#### What you have to do:
Can the data below be set down again exactly, line for line?

Stored data entries
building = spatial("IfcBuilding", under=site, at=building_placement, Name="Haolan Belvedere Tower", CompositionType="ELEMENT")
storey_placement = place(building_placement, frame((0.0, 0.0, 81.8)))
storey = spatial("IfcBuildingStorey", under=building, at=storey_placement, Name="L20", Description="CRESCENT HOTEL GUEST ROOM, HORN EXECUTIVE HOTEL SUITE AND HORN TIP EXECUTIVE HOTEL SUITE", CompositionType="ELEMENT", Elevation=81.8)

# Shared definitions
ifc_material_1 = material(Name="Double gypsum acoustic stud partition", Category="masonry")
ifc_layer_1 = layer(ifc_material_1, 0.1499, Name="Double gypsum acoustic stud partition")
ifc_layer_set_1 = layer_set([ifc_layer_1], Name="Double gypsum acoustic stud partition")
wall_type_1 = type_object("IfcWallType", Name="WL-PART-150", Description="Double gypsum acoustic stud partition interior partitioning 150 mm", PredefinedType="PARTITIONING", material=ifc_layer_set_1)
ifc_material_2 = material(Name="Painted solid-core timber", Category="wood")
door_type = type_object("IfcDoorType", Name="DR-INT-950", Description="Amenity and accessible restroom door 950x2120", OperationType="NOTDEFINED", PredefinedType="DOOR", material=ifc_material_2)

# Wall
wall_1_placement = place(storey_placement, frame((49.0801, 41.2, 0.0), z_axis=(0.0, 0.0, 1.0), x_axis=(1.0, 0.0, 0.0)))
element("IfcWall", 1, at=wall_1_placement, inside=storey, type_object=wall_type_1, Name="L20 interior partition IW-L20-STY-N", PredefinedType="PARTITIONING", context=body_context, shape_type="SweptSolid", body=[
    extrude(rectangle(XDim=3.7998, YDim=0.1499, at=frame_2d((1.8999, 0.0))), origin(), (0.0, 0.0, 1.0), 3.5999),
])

#### Your response:
building = spatial("IfcBuilding", under=site, at=building_placement, Name="Haolan Belvedere Tower", CompositionType="ELEMENT")
storey_placement = place(building_placement, frame((0.0, 0.0, 81.8)))
storey = spatial("IfcBuildingStorey", under=building, at=storey_placement, Name="L20", Description="CRESCENT HOTEL GUEST ROOM, HORN EXECUTIVE HOTEL SUITE AND HORN TIP EXECUTIVE HOTEL SUITE", CompositionType="ELEMENT", Elevation=81.8)

# Shared definitions
ifc_material_1 = material(Name="Double gypsum acoustic stud partition", Category="masonry")
ifc_layer_1 = layer(ifc_material_1, 0.1499, Name="Double gypsum acoustic stud partition")
ifc_layer_set_1 = layer_set([ifc_layer_1], Name="Double gypsum acoustic stud partition")
wall_type_1 = type_object("IfcWallType", Name="WL-PART-150", Description="Double gypsum acoustic stud partition interior partitioning 150 mm", PredefinedType="PARTITIONING", material=ifc_layer_set_1)
ifc_material_2 = material(Name="Painted solid-core timber", Category="wood")
door_type = type_object("IfcDoorType", Name="DR-INT-950", Description="Amenity and accessible restroom door 950x2120", OperationType="NOTDEFINED", PredefinedType="DOOR", material=ifc_material_2)

# Wall
wall_1_placement = place(storey_placement, frame((49.0801, 41.2, 0.0), z_axis=(0.0, 0.0, 1.0), x_axis=(1.0, 0.0, 0.0)))
element("IfcWall", 1, at=wall_1_placement, inside=storey, type_object=wall_type_1, Name="L20 interior partition IW-L20-STY-N", PredefinedType="PARTITIONING", context=body_context, shape_type="SweptSolid", body=[
    extrude(rectangle(XDim=3.7998, YDim=0.1499, at=frame_2d((1.8999, 0.0))), origin(), (0.0, 0.0, 1.0), 3.5999),
])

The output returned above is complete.